**Exercise goal**
Keeping every character in place, output all the data.

**Saved data entries**
******************************
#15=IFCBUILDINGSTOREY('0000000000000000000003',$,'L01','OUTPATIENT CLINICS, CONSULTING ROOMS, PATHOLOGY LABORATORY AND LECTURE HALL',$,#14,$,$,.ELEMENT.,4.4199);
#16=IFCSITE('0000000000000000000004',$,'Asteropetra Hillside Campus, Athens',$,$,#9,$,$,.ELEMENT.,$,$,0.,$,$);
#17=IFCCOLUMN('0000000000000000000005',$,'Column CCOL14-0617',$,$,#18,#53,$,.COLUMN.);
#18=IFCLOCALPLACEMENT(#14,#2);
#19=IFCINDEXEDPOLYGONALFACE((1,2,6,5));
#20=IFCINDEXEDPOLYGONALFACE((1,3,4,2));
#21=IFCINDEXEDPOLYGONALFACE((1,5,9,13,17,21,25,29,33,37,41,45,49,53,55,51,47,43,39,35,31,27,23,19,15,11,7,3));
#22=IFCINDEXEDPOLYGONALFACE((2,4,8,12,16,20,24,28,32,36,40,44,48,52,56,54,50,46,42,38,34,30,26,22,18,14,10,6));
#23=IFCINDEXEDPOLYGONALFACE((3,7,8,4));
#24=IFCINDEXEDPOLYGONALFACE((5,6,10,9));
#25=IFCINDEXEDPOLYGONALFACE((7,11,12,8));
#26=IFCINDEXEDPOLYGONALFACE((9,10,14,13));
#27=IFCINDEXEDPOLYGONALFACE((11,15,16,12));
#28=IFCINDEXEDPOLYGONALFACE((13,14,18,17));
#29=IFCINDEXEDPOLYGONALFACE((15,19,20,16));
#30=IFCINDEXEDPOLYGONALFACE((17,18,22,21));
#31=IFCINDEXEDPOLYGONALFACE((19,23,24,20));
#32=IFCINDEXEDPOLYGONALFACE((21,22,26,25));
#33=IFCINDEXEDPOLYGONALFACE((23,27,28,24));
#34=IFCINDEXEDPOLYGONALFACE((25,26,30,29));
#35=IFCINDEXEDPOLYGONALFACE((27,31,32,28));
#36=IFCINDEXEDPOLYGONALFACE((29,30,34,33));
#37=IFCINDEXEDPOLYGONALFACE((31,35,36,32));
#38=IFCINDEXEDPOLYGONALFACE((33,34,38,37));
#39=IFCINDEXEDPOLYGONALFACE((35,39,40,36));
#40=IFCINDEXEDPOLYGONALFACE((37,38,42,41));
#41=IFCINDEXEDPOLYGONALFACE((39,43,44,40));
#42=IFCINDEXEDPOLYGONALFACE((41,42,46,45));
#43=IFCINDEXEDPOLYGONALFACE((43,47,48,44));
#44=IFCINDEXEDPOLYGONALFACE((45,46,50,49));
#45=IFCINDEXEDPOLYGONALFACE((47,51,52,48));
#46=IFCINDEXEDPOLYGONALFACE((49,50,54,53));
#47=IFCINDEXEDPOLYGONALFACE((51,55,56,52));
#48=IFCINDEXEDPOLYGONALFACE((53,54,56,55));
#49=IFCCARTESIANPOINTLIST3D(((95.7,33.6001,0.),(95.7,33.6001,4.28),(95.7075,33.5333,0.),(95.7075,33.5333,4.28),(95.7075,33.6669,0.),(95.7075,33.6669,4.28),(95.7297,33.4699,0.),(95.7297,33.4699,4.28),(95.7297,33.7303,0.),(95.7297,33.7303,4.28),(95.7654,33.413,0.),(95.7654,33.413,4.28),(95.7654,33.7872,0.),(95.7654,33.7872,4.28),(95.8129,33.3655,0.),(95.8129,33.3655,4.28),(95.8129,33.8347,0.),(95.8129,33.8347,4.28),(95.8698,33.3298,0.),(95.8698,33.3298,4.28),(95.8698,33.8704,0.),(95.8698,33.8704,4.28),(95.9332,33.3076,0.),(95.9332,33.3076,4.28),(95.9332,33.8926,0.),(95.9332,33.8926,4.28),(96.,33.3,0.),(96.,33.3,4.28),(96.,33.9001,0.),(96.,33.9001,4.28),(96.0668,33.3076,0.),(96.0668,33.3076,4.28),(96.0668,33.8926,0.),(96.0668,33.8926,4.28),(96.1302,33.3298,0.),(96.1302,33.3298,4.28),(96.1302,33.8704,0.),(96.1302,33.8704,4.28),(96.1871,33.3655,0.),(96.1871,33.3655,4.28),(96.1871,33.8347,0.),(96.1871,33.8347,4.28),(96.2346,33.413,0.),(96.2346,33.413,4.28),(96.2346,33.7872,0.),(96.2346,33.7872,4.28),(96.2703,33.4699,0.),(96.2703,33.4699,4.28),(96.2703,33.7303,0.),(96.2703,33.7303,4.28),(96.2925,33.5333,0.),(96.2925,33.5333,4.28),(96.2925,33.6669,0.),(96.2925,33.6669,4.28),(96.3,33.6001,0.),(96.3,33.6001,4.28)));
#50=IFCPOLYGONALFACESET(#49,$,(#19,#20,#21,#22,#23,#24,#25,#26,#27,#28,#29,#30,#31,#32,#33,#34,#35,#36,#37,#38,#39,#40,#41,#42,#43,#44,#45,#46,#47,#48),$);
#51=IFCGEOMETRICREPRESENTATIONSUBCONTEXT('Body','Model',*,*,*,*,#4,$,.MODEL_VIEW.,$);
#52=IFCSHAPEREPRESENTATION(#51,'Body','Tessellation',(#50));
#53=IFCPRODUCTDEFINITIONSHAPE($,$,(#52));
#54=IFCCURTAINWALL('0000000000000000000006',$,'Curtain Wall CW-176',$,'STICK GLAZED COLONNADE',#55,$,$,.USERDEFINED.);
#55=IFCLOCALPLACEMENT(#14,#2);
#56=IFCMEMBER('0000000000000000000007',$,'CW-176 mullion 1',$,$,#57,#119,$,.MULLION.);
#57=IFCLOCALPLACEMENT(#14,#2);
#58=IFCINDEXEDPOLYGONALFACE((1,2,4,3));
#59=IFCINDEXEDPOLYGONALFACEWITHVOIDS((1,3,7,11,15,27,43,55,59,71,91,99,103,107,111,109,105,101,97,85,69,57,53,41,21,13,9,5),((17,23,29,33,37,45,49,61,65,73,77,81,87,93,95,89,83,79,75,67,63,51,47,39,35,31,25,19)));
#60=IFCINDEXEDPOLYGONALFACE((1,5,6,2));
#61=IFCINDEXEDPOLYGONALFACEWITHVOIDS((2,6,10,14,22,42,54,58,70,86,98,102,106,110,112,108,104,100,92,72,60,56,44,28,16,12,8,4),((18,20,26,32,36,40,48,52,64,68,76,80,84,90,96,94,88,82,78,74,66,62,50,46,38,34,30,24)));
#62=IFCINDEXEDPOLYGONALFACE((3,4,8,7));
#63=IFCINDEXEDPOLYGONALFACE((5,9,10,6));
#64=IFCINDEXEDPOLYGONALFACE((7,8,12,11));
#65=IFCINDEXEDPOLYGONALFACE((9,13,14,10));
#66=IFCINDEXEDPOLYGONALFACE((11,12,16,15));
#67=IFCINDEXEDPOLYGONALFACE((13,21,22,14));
******************************
**Completed task**
#15=IFCBUILDINGSTOREY('0000000000000000000003',$,'L01','OUTPATIENT CLINICS, CONSULTING ROOMS, PATHOLOGY LABORATORY AND LECTURE HALL',$,#14,$,$,.ELEMENT.,4.4199);
#16=IFCSITE('0000000000000000000004',$,'Asteropetra Hillside Campus, Athens',$,$,#9,$,$,.ELEMENT.,$,$,0.,$,$);
#17=IFCCOLUMN('0000000000000000000005',$,'Column CCOL14-0617',$,$,#18,#53,$,.COLUMN.);
#18=IFCLOCALPLACEMENT(#14,#2);
#19=IFCINDEXEDPOLYGONALFACE((1,2,6,5));
#20=IFCINDEXEDPOLYGONALFACE((1,3,4,2));
#21=IFCINDEXEDPOLYGONALFACE((1,5,9,13,17,21,25,29,33,37,41,45,49,53,55,51,47,43,39,35,31,27,23,19,15,11,7,3));
#22=IFCINDEXEDPOLYGONALFACE((2,4,8,12,16,20,24,28,32,36,40,44,48,52,56,54,50,46,42,38,34,30,26,22,18,14,10,6));
#23=IFCINDEXEDPOLYGONALFACE((3,7,8,4));
#24=IFCINDEXEDPOLYGONALFACE((5,6,10,9));
#25=IFCINDEXEDPOLYGONALFACE((7,11,12,8));
#26=IFCINDEXEDPOLYGONALFACE((9,10,14,13));
#27=IFCINDEXEDPOLYGONALFACE((11,15,16,12));
#28=IFCINDEXEDPOLYGONALFACE((13,14,18,17));
#29=IFCINDEXEDPOLYGONALFACE((15,19,20,16));
#30=IFCINDEXEDPOLYGONALFACE((17,18,22,21));
#31=IFCINDEXEDPOLYGONALFACE((19,23,24,20));
#32=IFCINDEXEDPOLYGONALFACE((21,22,26,25));
#33=IFCINDEXEDPOLYGONALFACE((23,27,28,24));
#34=IFCINDEXEDPOLYGONALFACE((25,26,30,29));
#35=IFCINDEXEDPOLYGONALFACE((27,31,32,28));
#36=IFCINDEXEDPOLYGONALFACE((29,30,34,33));
#37=IFCINDEXEDPOLYGONALFACE((31,35,36,32));
#38=IFCINDEXEDPOLYGONALFACE((33,34,38,37));
#39=IFCINDEXEDPOLYGONALFACE((35,39,40,36));
#40=IFCINDEXEDPOLYGONALFACE((37,38,42,41));
#41=IFCINDEXEDPOLYGONALFACE((39,43,44,40));
#42=IFCINDEXEDPOLYGONALFACE((41,42,46,45));
#43=IFCINDEXEDPOLYGONALFACE((43,47,48,44));
#44=IFCINDEXEDPOLYGONALFACE((45,46,50,49));
#45=IFCINDEXEDPOLYGONALFACE((47,51,52,48));
#46=IFCINDEXEDPOLYGONALFACE((49,50,54,53));
#47=IFCINDEXEDPOLYGONALFACE((51,55,56,52));
#48=IFCINDEXEDPOLYGONALFACE((53,54,56,55));
#49=IFCCARTESIANPOINTLIST3D(((95.7,33.6001,0.),(95.7,33.6001,4.28),(95.7075,33.5333,0.),(95.7075,33.5333,4.28),(95.7075,33.6669,0.),(95.7075,33.6669,4.28),(95.7297,33.4699,0.),(95.7297,33.4699,4.28),(95.7297,33.7303,0.),(95.7297,33.7303,4.28),(95.7654,33.413,0.),(95.7654,33.413,4.28),(95.7654,33.7872,0.),(95.7654,33.7872,4.28),(95.8129,33.3655,0.),(95.8129,33.3655,4.28),(95.8129,33.8347,0.),(95.8129,33.8347,4.28),(95.8698,33.3298,0.),(95.8698,33.3298,4.28),(95.8698,33.8704,0.),(95.8698,33.8704,4.28),(95.9332,33.3076,0.),(95.9332,33.3076,4.28),(95.9332,33.8926,0.),(95.9332,33.8926,4.28),(96.,33.3,0.),(96.,33.3,4.28),(96.,33.9001,0.),(96.,33.9001,4.28),(96.0668,33.3076,0.),(96.0668,33.3076,4.28),(96.0668,33.8926,0.),(96.0668,33.8926,4.28),(96.1302,33.3298,0.),(96.1302,33.3298,4.28),(96.1302,33.8704,0.),(96.1302,33.8704,4.28),(96.1871,33.3655,0.),(96.1871,33.3655,4.28),(96.1871,33.8347,0.),(96.1871,33.8347,4.28),(96.2346,33.413,0.),(96.2346,33.413,4.28),(96.2346,33.7872,0.),(96.2346,33.7872,4.28),(96.2703,33.4699,0.),(96.2703,33.4699,4.28),(96.2703,33.7303,0.),(96.2703,33.7303,4.28),(96.2925,33.5333,0.),(96.2925,33.5333,4.28),(96.2925,33.6669,0.),(96.2925,33.6669,4.28),(96.3,33.6001,0.),(96.3,33.6001,4.28)));
#50=IFCPOLYGONALFACESET(#49,$,(#19,#20,#21,#22,#23,#24,#25,#26,#27,#28,#29,#30,#31,#32,#33,#34,#35,#36,#37,#38,#39,#40,#41,#42,#43,#44,#45,#46,#47,#48),$);
#51=IFCGEOMETRICREPRESENTATIONSUBCONTEXT('Body','Model',*,*,*,*,#4,$,.MODEL_VIEW.,$);
#52=IFCSHAPEREPRESENTATION(#51,'Body','Tessellation',(#50));
#53=IFCPRODUCTDEFINITIONSHAPE($,$,(#52));
#54=IFCCURTAINWALL('0000000000000000000006',$,'Curtain Wall CW-176',$,'STICK GLAZED COLONNADE',#55,$,$,.USERDEFINED.);
#55=IFCLOCALPLACEMENT(#14,#2);
#56=IFCMEMBER('0000000000000000000007',$,'CW-176 mullion 1',$,$,#57,#119,$,.MULLION.);
#57=IFCLOCALPLACEMENT(#14,#2);
#58=IFCINDEXEDPOLYGONALFACE((1,2,4,3));
#59=IFCINDEXEDPOLYGONALFACEWITHVOIDS((1,3,7,11,15,27,43,55,59,71,91,99,103,107,111,109,105,101,97,85,69,57,53,41,21,13,9,5),((17,23,29,33,37,45,49,61,65,73,77,81,87,93,95,89,83,79,75,67,63,51,47,39,35,31,25,19)));
#60=IFCINDEXEDPOLYGONALFACE((1,5,6,2));
#61=IFCINDEXEDPOLYGONALFACEWITHVOIDS((2,6,10,14,22,42,54,58,70,86,98,102,106,110,112,108,104,100,92,72,60,56,44,28,16,12,8,4),((18,20,26,32,36,40,48,52,64,68,76,80,84,90,96,94,88,82,78,74,66,62,50,46,38,34,30,24)));
#62=IFCINDEXEDPOLYGONALFACE((3,4,8,7));
#63=IFCINDEXEDPOLYGONALFACE((5,9,10,6));
#64=IFCINDEXEDPOLYGONALFACE((7,8,12,11));
#65=IFCINDEXEDPOLYGONALFACE((9,13,14,10));
#66=IFCINDEXEDPOLYGONALFACE((11,12,16,15));
#67=IFCINDEXEDPOLYGONALFACE((13,21,22,14));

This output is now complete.